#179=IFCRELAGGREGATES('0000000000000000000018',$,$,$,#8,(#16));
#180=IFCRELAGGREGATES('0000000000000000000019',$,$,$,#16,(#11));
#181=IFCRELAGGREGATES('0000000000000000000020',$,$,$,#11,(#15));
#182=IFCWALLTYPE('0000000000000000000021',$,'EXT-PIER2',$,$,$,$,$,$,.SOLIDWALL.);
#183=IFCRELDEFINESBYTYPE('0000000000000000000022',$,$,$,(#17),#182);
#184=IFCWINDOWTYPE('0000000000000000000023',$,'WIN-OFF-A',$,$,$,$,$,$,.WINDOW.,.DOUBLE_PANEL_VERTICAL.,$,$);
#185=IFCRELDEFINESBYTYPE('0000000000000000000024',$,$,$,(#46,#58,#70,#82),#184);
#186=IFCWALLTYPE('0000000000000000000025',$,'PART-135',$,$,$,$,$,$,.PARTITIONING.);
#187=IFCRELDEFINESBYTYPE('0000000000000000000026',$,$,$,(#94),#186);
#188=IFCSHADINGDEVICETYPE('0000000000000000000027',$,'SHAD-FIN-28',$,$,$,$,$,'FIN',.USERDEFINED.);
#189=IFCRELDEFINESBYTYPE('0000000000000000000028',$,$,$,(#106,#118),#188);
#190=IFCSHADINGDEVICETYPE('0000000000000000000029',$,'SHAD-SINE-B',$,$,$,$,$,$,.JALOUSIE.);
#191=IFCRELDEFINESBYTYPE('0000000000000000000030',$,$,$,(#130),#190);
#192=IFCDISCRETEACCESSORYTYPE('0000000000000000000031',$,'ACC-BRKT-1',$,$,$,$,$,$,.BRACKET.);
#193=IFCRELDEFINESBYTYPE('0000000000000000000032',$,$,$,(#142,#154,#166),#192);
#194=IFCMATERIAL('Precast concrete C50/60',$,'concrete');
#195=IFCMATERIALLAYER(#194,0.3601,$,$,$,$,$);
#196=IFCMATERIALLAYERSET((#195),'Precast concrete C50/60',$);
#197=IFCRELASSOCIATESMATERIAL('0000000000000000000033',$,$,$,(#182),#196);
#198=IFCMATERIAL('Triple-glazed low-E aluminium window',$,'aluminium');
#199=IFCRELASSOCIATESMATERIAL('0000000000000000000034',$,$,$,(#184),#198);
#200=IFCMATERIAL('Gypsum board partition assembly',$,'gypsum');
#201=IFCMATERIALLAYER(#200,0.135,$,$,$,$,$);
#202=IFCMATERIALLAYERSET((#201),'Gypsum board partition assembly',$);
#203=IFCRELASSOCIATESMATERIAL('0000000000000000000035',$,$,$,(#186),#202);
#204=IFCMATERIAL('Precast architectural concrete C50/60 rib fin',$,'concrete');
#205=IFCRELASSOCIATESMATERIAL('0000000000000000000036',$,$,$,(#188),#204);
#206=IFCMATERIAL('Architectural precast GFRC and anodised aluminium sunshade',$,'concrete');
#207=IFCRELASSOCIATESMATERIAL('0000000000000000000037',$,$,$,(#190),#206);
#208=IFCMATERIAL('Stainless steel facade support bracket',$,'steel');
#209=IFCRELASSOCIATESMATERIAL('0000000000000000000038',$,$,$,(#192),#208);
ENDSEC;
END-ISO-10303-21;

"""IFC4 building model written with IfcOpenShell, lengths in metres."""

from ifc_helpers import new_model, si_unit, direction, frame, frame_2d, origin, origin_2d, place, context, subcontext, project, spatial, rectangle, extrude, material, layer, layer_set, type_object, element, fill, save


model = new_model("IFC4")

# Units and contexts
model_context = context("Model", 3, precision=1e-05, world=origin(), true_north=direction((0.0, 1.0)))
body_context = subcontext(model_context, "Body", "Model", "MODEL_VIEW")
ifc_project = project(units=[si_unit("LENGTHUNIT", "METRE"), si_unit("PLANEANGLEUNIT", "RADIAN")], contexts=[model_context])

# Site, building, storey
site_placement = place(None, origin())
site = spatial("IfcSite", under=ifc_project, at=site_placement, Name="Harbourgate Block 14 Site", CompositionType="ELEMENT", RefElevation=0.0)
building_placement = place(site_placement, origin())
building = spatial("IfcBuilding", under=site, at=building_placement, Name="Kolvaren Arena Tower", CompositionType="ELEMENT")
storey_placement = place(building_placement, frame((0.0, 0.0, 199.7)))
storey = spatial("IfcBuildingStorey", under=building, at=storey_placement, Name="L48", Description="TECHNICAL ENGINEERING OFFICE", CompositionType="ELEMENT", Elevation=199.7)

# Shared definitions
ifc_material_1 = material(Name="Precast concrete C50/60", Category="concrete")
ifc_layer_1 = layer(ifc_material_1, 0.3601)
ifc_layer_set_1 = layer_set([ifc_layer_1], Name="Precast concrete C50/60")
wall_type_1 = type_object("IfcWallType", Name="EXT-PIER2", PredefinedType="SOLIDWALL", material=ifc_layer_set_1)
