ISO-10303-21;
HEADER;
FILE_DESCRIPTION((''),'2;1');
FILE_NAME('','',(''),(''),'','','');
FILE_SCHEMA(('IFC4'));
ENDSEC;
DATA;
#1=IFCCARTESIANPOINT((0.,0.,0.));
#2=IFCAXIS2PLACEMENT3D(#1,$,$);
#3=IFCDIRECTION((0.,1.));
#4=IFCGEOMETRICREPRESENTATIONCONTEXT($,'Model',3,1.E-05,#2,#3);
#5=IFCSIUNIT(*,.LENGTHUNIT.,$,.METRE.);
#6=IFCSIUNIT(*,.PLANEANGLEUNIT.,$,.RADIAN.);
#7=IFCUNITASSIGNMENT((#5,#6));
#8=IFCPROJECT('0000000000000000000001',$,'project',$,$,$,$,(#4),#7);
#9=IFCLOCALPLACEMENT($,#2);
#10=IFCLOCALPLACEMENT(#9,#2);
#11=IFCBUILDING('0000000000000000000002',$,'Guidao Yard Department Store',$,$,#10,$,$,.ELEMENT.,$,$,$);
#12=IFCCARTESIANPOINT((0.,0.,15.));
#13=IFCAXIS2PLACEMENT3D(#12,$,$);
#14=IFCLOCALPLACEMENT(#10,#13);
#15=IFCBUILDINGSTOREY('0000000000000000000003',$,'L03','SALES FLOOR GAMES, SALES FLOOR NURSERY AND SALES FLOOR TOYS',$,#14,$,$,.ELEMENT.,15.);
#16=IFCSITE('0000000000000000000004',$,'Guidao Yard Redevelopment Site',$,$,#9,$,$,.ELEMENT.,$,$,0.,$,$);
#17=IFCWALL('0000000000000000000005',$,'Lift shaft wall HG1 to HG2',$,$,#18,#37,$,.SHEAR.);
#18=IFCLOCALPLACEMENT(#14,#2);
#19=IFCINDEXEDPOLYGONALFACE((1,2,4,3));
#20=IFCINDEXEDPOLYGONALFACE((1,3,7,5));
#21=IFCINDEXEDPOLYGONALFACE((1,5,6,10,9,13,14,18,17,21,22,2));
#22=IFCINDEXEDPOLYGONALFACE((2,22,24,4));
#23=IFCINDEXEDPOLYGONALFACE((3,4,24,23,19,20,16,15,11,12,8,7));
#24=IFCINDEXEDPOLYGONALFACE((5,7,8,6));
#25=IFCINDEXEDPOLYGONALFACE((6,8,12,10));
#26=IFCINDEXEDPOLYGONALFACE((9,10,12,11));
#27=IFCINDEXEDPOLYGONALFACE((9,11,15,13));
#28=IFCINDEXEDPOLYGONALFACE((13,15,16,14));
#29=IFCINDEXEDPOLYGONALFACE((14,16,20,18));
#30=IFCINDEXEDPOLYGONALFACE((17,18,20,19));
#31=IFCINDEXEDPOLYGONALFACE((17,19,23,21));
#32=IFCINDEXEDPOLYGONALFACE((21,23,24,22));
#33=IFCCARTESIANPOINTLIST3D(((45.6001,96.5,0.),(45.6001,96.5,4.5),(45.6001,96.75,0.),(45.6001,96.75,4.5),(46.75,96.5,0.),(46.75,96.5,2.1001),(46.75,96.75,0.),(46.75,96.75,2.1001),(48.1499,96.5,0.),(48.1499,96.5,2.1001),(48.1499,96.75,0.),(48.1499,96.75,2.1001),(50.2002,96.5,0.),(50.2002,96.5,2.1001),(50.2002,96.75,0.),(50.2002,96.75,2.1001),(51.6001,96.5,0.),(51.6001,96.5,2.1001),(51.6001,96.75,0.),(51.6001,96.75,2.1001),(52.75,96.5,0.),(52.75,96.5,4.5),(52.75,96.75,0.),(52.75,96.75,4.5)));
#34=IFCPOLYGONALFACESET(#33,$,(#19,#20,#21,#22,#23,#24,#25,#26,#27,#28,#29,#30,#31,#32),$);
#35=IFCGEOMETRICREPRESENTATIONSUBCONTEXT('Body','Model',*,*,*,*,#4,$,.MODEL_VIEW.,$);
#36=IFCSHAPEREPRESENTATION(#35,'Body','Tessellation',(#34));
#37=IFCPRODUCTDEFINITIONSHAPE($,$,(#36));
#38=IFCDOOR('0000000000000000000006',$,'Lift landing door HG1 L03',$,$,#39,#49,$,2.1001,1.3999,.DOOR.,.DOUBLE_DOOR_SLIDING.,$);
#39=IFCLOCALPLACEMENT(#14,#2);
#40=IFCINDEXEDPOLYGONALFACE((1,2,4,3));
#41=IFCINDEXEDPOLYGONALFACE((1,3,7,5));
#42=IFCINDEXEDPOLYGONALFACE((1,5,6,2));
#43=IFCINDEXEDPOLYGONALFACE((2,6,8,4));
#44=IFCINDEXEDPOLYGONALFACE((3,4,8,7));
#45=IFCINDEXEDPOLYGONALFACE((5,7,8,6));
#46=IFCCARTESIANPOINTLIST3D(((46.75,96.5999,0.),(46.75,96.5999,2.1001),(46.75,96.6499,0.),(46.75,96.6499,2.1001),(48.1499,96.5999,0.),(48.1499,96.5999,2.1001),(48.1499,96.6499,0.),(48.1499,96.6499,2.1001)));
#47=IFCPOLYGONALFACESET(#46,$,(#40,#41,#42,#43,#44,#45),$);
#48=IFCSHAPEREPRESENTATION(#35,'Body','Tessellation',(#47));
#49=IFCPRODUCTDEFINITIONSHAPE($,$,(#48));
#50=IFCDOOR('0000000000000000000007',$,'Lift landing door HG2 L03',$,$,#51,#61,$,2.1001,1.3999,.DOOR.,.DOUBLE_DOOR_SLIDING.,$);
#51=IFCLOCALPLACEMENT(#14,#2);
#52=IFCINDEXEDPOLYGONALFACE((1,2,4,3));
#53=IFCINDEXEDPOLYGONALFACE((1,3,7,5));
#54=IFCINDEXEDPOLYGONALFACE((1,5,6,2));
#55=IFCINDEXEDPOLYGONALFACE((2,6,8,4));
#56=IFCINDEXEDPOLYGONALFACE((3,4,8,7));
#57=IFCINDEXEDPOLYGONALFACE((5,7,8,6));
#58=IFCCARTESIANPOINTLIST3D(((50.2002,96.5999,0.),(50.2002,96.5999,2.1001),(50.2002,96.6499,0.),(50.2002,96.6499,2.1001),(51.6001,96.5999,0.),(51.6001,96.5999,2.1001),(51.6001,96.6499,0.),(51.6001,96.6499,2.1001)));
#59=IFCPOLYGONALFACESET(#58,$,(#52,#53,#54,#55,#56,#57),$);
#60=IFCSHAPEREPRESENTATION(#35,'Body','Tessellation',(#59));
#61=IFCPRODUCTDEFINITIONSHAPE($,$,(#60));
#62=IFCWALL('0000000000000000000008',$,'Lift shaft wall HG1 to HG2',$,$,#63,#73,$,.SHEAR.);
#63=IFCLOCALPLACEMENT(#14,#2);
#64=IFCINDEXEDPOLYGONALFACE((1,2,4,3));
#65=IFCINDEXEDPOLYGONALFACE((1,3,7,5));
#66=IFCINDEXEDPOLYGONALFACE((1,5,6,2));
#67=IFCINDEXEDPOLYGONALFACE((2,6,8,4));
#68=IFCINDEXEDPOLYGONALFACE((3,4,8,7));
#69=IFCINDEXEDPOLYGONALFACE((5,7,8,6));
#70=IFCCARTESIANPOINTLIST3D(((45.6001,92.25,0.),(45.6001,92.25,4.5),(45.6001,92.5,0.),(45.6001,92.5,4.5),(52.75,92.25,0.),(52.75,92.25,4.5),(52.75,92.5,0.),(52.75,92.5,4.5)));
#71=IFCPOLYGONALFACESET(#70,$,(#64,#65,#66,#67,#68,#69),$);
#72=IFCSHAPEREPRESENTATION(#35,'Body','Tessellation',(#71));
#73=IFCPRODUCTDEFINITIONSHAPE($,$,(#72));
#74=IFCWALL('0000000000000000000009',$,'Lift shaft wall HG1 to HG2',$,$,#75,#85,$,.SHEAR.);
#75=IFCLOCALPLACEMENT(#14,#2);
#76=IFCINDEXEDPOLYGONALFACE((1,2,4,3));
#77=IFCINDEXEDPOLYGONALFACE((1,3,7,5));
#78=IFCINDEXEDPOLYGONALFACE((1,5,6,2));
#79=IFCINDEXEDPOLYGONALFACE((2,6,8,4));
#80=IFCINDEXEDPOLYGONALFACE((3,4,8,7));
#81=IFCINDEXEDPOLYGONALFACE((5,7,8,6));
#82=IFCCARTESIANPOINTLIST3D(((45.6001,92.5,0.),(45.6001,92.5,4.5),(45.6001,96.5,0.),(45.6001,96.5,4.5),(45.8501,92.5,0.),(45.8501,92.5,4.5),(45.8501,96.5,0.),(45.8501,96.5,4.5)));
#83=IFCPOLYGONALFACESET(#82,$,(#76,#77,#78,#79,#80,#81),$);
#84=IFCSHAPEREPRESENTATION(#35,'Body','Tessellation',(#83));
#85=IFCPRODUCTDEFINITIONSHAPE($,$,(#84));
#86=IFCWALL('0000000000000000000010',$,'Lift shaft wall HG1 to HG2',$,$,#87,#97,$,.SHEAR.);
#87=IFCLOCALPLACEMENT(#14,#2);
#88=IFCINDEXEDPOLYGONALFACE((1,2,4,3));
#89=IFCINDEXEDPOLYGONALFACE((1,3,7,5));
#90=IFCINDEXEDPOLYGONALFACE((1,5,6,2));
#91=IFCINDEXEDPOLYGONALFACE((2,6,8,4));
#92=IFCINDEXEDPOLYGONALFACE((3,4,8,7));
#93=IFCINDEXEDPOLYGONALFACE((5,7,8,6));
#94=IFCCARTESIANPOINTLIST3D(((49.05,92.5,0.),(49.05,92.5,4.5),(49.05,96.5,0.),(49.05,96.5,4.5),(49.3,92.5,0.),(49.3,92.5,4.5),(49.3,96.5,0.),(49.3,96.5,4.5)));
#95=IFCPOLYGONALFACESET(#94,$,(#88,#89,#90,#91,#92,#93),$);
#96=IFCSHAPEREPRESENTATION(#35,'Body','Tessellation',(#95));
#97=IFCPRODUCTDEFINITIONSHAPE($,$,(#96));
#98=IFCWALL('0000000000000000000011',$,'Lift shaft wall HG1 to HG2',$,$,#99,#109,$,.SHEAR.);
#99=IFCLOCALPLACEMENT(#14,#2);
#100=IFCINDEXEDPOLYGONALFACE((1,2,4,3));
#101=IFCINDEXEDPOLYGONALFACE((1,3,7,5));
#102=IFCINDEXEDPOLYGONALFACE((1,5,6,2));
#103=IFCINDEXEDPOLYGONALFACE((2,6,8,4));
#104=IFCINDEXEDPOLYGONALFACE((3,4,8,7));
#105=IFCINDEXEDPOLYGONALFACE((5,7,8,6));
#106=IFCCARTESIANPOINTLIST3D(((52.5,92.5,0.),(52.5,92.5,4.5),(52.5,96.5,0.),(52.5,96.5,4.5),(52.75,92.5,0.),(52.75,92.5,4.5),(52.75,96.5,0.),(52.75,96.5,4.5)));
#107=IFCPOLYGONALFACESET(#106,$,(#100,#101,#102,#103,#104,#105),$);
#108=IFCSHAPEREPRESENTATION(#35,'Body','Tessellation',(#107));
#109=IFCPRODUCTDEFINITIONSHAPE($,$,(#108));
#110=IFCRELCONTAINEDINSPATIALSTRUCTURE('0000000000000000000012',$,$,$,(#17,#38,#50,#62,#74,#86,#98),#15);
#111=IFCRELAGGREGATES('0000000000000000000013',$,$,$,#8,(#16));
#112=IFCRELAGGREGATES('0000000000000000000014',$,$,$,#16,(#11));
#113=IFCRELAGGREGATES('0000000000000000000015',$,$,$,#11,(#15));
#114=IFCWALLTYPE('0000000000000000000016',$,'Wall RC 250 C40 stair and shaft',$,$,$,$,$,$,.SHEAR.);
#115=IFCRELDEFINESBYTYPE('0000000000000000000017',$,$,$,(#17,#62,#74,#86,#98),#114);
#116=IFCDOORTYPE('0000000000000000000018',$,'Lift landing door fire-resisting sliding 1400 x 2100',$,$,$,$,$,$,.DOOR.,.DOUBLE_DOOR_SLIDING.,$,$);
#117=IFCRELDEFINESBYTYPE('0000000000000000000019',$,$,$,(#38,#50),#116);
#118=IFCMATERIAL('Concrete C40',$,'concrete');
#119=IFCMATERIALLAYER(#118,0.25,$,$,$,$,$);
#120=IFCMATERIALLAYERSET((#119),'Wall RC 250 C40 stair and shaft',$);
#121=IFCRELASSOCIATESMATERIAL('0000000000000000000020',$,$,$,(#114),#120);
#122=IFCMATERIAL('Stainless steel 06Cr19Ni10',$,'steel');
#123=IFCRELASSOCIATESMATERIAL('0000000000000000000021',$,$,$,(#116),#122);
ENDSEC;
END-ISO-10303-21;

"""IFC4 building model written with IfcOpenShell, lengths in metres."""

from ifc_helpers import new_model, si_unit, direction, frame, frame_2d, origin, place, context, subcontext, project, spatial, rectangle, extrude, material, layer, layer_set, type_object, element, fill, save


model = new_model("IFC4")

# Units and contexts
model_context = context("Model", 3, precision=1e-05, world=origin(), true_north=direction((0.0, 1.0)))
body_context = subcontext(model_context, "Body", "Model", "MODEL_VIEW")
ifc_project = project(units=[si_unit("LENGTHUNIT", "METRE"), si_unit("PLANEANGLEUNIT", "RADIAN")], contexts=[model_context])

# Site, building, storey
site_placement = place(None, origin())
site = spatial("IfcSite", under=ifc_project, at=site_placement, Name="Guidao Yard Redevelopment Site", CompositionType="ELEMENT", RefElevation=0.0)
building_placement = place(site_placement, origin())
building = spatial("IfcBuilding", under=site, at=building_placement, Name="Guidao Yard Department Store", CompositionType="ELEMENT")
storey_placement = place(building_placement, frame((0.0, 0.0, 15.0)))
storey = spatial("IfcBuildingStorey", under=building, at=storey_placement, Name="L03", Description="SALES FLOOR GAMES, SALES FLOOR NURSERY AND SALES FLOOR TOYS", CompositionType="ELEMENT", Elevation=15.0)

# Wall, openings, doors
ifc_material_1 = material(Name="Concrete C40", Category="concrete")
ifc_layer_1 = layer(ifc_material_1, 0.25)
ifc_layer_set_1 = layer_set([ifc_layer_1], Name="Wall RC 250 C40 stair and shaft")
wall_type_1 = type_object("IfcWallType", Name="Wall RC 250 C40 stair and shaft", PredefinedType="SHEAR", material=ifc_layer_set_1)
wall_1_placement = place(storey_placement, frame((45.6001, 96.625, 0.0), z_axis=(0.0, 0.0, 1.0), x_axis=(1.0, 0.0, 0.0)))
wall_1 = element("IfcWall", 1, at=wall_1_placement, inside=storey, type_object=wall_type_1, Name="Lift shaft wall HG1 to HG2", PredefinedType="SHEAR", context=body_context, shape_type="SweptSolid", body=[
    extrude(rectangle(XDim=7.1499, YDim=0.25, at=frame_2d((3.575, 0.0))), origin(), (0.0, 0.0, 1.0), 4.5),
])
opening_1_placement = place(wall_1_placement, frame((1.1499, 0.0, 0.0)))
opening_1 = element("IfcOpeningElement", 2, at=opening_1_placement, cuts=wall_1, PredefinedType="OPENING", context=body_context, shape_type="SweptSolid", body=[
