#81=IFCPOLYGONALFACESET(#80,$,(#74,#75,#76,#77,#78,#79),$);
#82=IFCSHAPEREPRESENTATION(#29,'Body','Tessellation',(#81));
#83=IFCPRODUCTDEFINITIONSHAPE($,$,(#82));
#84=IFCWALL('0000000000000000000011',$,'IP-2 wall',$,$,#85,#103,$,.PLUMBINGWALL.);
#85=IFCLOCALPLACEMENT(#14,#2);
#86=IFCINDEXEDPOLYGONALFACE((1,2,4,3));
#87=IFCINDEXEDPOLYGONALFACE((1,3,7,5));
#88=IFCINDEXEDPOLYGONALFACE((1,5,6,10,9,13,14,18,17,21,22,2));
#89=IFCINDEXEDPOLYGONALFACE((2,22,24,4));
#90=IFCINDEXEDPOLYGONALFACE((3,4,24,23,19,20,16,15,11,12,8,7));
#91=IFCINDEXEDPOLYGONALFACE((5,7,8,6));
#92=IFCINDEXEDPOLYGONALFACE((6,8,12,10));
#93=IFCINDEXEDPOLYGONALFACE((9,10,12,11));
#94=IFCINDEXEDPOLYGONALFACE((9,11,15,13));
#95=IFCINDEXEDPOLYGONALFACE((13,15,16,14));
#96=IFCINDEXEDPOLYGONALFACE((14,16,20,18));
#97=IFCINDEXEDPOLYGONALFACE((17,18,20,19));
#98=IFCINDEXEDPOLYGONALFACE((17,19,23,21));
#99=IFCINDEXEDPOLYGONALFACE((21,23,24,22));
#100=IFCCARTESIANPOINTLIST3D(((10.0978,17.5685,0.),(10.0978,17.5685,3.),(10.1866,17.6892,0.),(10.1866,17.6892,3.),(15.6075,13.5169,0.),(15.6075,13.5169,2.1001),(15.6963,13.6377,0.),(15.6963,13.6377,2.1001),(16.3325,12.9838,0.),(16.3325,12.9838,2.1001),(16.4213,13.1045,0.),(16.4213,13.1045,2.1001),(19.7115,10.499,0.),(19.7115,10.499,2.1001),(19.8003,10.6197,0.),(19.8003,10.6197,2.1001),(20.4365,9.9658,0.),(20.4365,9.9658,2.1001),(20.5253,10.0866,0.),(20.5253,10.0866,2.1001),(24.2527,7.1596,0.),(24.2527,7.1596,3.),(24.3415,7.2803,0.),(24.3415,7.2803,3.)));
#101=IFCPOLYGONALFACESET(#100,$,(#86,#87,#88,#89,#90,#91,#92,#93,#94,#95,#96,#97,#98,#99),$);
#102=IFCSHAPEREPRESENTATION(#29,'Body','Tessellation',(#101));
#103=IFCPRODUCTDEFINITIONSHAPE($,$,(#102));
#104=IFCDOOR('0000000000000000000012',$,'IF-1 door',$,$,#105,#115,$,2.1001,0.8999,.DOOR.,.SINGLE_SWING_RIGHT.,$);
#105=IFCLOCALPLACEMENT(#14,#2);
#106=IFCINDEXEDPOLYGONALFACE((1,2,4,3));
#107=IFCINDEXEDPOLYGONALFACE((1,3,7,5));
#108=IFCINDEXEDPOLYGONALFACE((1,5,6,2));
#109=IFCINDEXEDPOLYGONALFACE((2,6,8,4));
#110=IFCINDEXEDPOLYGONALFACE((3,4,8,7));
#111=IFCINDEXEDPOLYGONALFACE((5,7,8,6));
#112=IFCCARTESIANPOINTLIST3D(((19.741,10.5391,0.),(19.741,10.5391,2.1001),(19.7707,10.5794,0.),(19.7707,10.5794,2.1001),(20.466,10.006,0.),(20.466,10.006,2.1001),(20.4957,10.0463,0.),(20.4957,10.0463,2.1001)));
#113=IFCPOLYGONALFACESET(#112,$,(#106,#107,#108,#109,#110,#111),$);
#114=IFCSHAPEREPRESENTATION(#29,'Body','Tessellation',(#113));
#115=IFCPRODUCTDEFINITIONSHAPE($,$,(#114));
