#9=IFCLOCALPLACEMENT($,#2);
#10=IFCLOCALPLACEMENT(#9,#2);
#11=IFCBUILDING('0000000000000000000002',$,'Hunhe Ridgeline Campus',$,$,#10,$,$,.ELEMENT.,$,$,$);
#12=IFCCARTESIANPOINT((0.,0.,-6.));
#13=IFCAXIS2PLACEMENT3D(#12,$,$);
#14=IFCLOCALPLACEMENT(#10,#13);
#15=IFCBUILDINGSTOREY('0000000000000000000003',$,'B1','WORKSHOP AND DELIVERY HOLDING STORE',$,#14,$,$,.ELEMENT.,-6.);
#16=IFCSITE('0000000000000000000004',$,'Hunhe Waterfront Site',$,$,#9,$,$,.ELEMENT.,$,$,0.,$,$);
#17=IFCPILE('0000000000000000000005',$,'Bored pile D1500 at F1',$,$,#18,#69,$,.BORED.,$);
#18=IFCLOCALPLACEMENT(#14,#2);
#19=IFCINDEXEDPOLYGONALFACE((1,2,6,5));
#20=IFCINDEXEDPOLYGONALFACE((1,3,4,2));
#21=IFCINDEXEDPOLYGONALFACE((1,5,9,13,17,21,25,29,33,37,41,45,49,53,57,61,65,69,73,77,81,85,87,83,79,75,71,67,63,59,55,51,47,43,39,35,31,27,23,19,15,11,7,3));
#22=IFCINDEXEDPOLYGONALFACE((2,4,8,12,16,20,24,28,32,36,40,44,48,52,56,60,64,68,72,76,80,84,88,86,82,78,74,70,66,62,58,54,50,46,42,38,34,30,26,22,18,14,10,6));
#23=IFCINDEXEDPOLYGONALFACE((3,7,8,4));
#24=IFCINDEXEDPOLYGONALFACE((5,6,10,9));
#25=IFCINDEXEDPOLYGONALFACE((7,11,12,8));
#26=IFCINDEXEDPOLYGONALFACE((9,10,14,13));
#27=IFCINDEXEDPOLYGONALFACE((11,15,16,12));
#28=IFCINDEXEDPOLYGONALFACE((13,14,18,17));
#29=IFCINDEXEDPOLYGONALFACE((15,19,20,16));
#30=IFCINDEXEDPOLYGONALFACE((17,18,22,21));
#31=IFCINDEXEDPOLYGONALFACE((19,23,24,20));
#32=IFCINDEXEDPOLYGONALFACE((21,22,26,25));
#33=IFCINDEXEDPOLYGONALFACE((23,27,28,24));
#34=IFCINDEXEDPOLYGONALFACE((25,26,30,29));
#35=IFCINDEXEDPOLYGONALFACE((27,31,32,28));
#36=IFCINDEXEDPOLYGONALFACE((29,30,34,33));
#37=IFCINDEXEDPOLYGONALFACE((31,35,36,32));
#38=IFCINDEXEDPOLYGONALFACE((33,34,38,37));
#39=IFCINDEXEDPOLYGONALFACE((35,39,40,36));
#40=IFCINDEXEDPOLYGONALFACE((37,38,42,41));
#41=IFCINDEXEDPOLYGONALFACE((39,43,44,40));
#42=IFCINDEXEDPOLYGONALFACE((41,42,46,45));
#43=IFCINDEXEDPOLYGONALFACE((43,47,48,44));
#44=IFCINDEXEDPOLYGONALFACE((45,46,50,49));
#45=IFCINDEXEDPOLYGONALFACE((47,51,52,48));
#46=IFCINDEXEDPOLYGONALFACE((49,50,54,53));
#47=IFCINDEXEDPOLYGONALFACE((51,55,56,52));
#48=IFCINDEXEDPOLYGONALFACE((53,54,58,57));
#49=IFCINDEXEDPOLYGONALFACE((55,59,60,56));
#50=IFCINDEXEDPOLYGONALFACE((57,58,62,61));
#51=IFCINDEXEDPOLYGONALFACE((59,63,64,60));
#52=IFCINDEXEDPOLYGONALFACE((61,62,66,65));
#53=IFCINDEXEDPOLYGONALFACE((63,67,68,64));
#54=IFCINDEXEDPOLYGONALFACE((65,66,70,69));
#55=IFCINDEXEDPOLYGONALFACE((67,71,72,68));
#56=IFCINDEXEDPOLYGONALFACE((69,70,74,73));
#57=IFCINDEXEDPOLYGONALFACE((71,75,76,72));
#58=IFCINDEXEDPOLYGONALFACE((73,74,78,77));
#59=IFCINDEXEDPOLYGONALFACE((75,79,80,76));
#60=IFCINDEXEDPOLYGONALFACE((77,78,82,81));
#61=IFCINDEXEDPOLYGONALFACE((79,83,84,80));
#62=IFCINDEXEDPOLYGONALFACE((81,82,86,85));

• What you will do
All that is wanted is the stretch of lines above from the one containing "#90=IFCINDEXEDPOLYGONALFACE((1,5,6,2));" through the one containing "#96=IFCSHAPEREPRESENTATION(#35,'Body','Tessellation',(#95));", duplicated exactly.

• Problem solution
#90=IFCINDEXEDPOLYGONALFACE((1,5,6,2));
#91=IFCINDEXEDPOLYGONALFACE((2,6,8,4));
#92=IFCINDEXEDPOLYGONALFACE((3,4,8,7));
#93=IFCINDEXEDPOLYGONALFACE((5,7,8,6));
#94=IFCCARTESIANPOINTLIST3D(((49.05,92.5,0.),(49.05,92.5,4.5),(49.05,96.5,0.),(49.05,96.5,4.5),(49.3,92.5,0.),(49.3,92.5,4.5),(49.3,96.5,0.),(49.3,96.5,4.5)));
#95=IFCPOLYGONALFACESET(#94,$,(#88,#89,#90,#91,#92,#93),$);
#96=IFCSHAPEREPRESENTATION(#35,'Body','Tessellation',(#95));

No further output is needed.